Aim of the exercise
Where the records below reach the line containing "#13=IFCAXIS2PLACEMENT3D(#12,$,$);", start transcribing, and end with the line containing "COMMUNITY LEARNING STUDIO',$,#14,$,$,.ELEMENT.,8.3999);", exactly and with nothing else added.

Dataset entries
• • • •
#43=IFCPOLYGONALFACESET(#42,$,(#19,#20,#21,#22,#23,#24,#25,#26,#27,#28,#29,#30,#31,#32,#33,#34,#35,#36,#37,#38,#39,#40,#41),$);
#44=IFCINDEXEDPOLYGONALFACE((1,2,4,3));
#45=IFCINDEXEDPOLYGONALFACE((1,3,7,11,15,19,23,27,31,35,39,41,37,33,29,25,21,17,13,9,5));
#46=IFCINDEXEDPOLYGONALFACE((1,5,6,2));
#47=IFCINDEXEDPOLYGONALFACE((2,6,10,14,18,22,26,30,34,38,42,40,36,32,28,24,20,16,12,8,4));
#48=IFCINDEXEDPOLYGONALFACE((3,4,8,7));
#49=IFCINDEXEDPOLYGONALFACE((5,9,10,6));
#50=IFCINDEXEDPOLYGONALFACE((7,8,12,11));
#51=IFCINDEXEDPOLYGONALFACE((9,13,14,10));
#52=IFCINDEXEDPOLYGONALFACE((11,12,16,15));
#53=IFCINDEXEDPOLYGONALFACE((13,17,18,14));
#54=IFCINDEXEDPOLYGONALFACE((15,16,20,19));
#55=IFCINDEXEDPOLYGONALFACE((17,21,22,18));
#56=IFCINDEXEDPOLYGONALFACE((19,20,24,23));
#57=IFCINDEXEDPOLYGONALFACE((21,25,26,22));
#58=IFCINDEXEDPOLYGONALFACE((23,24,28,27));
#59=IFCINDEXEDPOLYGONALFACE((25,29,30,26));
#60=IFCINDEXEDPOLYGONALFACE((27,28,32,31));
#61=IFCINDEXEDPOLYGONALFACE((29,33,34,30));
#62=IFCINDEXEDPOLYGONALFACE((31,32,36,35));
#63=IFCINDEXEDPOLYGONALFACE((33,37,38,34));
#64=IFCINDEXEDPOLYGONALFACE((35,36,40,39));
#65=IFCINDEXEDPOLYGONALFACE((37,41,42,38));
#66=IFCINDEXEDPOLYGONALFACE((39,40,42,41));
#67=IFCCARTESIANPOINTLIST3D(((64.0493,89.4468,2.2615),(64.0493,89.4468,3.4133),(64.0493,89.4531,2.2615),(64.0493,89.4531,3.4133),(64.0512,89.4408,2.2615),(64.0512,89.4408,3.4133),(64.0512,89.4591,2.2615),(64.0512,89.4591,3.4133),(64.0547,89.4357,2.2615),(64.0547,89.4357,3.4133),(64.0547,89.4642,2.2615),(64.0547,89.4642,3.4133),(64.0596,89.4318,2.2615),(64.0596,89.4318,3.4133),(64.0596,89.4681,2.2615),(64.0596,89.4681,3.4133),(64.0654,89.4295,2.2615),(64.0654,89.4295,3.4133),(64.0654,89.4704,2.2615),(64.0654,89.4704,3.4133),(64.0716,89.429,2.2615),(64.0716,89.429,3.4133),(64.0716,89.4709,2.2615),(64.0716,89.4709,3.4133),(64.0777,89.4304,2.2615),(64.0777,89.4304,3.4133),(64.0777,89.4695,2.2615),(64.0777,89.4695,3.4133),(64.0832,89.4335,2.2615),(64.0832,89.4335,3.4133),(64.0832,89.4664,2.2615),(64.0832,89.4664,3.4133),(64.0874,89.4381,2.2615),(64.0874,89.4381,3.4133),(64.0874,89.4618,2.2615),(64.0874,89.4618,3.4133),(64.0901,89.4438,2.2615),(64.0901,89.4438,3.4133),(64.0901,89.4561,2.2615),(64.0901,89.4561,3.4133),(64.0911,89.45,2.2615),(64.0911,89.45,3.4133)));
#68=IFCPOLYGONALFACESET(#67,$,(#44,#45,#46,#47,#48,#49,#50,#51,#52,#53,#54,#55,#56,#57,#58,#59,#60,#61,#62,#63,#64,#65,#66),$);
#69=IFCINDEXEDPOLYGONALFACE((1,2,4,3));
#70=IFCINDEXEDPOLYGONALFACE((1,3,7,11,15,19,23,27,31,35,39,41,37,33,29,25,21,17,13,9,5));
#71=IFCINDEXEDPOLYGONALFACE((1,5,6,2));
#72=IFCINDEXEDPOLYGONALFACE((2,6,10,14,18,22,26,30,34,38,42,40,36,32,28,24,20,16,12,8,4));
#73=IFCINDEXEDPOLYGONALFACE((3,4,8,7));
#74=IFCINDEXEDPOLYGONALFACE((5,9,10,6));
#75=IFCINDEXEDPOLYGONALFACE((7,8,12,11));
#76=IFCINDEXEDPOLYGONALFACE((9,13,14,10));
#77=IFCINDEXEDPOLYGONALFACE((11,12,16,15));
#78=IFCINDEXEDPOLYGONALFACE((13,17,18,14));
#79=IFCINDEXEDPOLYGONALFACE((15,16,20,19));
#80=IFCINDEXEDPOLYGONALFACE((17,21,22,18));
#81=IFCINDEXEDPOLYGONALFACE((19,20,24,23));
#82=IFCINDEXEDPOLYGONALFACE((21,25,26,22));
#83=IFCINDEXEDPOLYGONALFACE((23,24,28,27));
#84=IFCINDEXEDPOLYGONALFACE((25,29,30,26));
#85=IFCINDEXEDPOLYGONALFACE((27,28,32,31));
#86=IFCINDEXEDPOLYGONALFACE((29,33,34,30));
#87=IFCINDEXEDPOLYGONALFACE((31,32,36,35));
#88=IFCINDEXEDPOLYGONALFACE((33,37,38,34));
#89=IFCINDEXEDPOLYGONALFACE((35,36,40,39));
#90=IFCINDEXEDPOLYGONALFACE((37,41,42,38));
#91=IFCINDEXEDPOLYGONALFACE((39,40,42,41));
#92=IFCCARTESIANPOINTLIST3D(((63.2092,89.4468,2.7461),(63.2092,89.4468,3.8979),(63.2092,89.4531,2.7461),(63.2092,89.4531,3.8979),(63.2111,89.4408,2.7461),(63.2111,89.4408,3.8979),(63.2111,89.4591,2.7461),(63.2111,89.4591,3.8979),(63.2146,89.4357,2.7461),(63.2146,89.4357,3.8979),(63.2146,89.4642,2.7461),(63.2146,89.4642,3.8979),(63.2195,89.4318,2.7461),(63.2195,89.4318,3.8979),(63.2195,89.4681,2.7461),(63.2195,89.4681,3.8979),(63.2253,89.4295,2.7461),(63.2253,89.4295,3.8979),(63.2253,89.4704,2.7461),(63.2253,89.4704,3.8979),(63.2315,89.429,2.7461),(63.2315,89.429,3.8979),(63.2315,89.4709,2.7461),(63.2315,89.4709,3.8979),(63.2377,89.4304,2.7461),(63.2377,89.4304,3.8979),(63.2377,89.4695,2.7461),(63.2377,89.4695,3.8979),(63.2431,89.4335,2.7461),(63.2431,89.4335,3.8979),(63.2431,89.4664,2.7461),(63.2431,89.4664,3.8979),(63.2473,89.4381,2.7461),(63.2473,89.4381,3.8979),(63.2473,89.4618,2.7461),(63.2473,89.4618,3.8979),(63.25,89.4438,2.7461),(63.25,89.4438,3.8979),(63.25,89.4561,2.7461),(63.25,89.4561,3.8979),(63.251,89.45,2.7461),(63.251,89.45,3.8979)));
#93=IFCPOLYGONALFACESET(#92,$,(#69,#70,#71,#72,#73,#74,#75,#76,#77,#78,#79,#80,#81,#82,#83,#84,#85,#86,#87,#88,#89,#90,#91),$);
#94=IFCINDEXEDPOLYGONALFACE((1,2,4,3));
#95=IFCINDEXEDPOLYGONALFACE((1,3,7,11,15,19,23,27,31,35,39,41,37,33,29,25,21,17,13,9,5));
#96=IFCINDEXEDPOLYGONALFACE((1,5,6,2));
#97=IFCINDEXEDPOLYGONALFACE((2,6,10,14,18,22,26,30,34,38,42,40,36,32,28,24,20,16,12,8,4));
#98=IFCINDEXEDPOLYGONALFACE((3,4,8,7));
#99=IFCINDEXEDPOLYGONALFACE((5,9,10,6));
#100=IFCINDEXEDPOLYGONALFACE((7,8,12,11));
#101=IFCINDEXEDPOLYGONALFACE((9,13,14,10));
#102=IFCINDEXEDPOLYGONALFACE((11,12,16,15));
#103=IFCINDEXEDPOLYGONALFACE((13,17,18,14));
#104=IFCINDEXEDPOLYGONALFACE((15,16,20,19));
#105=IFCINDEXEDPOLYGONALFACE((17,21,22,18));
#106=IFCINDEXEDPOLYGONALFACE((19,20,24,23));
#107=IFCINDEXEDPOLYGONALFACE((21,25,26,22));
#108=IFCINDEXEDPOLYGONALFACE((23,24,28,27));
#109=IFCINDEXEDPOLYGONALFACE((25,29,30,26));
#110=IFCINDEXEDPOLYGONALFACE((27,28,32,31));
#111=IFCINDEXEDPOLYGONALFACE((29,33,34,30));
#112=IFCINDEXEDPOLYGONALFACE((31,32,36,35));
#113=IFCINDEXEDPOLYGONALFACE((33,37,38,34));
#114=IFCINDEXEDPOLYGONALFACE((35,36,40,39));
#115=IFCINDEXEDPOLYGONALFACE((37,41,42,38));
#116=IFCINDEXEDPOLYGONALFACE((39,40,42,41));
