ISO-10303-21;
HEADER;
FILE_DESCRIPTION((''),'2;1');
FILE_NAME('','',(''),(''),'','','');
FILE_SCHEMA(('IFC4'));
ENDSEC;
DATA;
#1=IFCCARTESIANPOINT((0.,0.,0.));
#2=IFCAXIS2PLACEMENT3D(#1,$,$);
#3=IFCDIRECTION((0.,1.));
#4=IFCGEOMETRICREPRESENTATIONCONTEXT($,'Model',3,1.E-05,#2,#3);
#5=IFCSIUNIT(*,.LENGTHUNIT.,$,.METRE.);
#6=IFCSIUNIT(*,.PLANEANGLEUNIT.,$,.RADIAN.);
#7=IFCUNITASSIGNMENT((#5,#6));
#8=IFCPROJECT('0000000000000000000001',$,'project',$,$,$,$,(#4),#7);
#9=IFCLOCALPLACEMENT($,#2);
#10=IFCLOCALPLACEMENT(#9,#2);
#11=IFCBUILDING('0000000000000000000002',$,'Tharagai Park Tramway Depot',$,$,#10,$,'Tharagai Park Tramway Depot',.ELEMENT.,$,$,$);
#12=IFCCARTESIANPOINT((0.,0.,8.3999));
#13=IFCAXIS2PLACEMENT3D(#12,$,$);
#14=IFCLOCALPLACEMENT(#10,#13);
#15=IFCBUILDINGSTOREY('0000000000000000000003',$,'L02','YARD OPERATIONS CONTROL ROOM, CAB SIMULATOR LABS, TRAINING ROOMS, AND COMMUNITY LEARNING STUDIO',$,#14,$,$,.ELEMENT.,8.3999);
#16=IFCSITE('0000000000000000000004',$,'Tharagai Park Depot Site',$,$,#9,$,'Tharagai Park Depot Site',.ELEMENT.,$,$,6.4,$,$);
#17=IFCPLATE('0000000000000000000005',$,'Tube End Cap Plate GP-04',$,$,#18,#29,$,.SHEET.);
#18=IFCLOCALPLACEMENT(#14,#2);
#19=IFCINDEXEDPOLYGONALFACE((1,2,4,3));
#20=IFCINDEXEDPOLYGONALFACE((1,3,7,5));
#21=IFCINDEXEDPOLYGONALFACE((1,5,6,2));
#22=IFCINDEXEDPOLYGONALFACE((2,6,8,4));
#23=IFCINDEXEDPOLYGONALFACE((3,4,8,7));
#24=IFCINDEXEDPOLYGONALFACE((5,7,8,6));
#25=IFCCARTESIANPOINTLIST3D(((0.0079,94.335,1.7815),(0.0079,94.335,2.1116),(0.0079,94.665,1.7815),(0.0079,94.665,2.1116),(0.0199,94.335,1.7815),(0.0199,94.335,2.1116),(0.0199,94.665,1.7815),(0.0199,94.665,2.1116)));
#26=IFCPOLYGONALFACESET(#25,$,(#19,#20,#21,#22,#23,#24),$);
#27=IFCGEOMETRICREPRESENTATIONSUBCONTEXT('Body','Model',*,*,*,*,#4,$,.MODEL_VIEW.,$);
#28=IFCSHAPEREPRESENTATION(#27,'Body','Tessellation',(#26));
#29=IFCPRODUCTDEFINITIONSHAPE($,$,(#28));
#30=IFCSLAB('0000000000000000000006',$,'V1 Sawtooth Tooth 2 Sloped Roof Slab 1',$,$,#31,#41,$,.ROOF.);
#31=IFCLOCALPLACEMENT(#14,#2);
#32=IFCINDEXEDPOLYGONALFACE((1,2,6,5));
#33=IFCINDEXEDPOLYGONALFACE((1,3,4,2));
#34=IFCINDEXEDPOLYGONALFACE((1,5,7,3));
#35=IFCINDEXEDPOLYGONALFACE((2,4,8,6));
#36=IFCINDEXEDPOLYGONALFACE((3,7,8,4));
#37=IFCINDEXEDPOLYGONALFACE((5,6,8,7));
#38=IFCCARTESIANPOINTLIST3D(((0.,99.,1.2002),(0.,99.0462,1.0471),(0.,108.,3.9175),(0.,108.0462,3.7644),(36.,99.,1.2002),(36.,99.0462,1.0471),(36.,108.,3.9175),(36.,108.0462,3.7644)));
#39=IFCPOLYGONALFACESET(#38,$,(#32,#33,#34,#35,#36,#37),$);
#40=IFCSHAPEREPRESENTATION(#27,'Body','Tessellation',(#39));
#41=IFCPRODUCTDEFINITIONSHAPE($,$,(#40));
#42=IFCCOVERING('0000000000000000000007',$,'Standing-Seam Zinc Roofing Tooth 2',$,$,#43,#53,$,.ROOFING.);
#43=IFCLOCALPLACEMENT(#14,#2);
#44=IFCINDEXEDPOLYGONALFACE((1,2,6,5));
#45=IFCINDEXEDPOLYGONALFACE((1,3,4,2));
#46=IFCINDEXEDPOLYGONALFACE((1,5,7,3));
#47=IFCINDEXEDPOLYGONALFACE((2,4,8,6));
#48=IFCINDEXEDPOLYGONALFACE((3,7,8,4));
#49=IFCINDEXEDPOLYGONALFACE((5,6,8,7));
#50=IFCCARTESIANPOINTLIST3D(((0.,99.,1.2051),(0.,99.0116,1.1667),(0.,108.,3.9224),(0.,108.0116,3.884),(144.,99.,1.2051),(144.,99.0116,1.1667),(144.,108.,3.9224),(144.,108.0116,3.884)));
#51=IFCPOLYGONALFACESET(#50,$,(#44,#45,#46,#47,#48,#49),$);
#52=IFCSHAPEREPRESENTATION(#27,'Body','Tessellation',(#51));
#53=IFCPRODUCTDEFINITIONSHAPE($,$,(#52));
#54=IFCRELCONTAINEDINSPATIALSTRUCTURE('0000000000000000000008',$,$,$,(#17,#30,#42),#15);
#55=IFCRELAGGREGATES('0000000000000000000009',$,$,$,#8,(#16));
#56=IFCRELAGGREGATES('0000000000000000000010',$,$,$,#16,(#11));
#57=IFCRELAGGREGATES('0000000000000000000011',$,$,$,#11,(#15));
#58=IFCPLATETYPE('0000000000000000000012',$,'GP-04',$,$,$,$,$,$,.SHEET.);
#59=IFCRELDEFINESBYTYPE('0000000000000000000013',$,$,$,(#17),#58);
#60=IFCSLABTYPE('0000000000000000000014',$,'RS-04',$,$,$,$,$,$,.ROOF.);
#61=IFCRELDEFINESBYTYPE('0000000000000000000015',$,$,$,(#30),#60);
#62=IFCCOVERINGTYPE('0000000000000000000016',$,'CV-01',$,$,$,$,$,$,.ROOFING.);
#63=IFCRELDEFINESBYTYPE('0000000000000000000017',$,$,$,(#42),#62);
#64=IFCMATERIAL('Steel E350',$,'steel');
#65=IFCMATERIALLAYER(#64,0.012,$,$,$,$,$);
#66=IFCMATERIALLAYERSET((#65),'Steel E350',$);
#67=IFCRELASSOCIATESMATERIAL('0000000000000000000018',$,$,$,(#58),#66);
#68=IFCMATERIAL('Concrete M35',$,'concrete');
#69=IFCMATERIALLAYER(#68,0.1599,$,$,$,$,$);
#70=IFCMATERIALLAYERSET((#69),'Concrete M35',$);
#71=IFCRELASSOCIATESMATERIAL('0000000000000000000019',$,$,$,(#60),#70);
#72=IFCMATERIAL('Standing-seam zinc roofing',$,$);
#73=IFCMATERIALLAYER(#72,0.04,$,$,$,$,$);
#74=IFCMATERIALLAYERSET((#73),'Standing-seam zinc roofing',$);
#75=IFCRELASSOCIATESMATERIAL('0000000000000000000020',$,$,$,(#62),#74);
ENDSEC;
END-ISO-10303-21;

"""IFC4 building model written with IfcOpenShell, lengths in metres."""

from ifc_helpers import new_model, si_unit, direction, frame, origin, origin_2d, place, context, subcontext, project, spatial, polyline, rectangle, outline, extrude, material, layer, layer_set, type_object, element, save


model = new_model("IFC4")

# Units and contexts
model_context = context("Model", 3, precision=1e-05, world=origin(), true_north=direction((0.0, 1.0)))
body_context = subcontext(model_context, "Body", "Model", "MODEL_VIEW")
ifc_project = project(units=[si_unit("LENGTHUNIT", "METRE"), si_unit("PLANEANGLEUNIT", "RADIAN")], contexts=[model_context])

# Site, building, storey
site_placement = place(None, origin())
site = spatial("IfcSite", under=ifc_project, at=site_placement, Name="Tharagai Park Depot Site", LongName="Tharagai Park Depot Site", CompositionType="ELEMENT", RefElevation=6.4)
building_placement = place(site_placement, origin())
building = spatial("IfcBuilding", under=site, at=building_placement, Name="Tharagai Park Tramway Depot", LongName="Tharagai Park Tramway Depot", CompositionType="ELEMENT")
storey_placement = place(building_placement, frame((0.0, 0.0, 8.3999)))
storey = spatial("IfcBuildingStorey", under=building, at=storey_placement, Name="L02", Description="YARD OPERATIONS CONTROL ROOM, CAB SIMULATOR LABS, TRAINING ROOMS, AND COMMUNITY LEARNING STUDIO", CompositionType="ELEMENT", Elevation=8.3999)

# Shared definitions
ifc_material_1 = material(Name="Steel E350", Category="steel")

# Plate
ifc_layer_1 = layer(ifc_material_1, 0.012)
ifc_layer_set_1 = layer_set([ifc_layer_1], Name="Steel E350")
plate_type_1 = type_object("IfcPlateType", Name="GP-04", PredefinedType="SHEET", material=ifc_layer_set_1)
plate_1_placement = place(storey_placement, frame((0.0139, 94.5, 1.7815), z_axis=(0.0, 0.0, 1.0), x_axis=(1.0, 0.0, 0.0)))
element("IfcPlate", 1, at=plate_1_placement, inside=storey, type_object=plate_type_1, Name="Tube End Cap Plate GP-04", PredefinedType="SHEET", context=body_context, shape_type="SweptSolid", body=[
    extrude(rectangle(XDim=0.012, YDim=0.3301, at=origin_2d()), origin(), (0.0, 0.0, 1.0), 0.3301),
])

# Slab
ifc_material_2 = material(Name="Concrete M35", Category="concrete")
ifc_layer_2 = layer(ifc_material_2, 0.1599)
ifc_layer_set_2 = layer_set([ifc_layer_2], Name="Concrete M35")
slab_type = type_object("IfcSlabType", Name="RS-04", PredefinedType="ROOF", material=ifc_layer_set_2)
slab_placement = place(storey_placement, frame((0.0, 99.0, 1.2002), z_axis=(0.0, -0.289034, 0.957319), x_axis=(1.0, 0.0, 0.0)))
element("IfcSlab", 2, at=slab_placement, inside=storey, type_object=slab_type, Name="V1 Sawtooth Tooth 2 Sloped Roof Slab 1", PredefinedType="ROOF", context=body_context, shape_type="SweptSolid", body=[
    extrude(outline(polyline([(0.0, 0.0), (36.0, 0.0), (36.0, 9.4013), (0.0, 9.4013), (0.0, 0.0)])), origin(), (0.0, 0.0, -1.0), 0.1599),
])

# Covering
ifc_material_3 = material(Name="Standing-seam zinc roofing")
ifc_layer_3 = layer(ifc_material_3, 0.04)
ifc_layer_set_3 = layer_set([ifc_layer_3], Name="Standing-seam zinc roofing")
covering_type = type_object("IfcCoveringType", Name="CV-01", PredefinedType="ROOFING", material=ifc_layer_set_3)
covering_placement = place(storey_placement, frame((0.0, 99.0, 1.2051), z_axis=(0.0, -0.289034, 0.957319), x_axis=(1.0, 0.0, 0.0)))
element("IfcCovering", 3, at=covering_placement, inside=storey, type_object=covering_type, Name="Standing-Seam Zinc Roofing Tooth 2", PredefinedType="ROOFING", context=body_context, shape_type="SweptSolid", body=[
    extrude(outline(polyline([(0.0, 0.0), (144.0, 0.0), (144.0, 9.4013), (0.0, 9.4013), (0.0, 0.0)])), origin(), (0.0, 0.0, -1.0), 0.04),
])

save(model, "model.ifc")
• • • •
Your response
#13=IFCAXIS2PLACEMENT3D(#12,$,$);
#14=IFCLOCALPLACEMENT(#10,#13);
#15=IFCBUILDINGSTOREY('0000000000000000000003',$,'L02','YARD OPERATIONS CONTROL ROOM, CAB SIMULATOR LABS, TRAINING ROOMS, AND COMMUNITY LEARNING STUDIO',$,#14,$,$,.ELEMENT.,8.3999);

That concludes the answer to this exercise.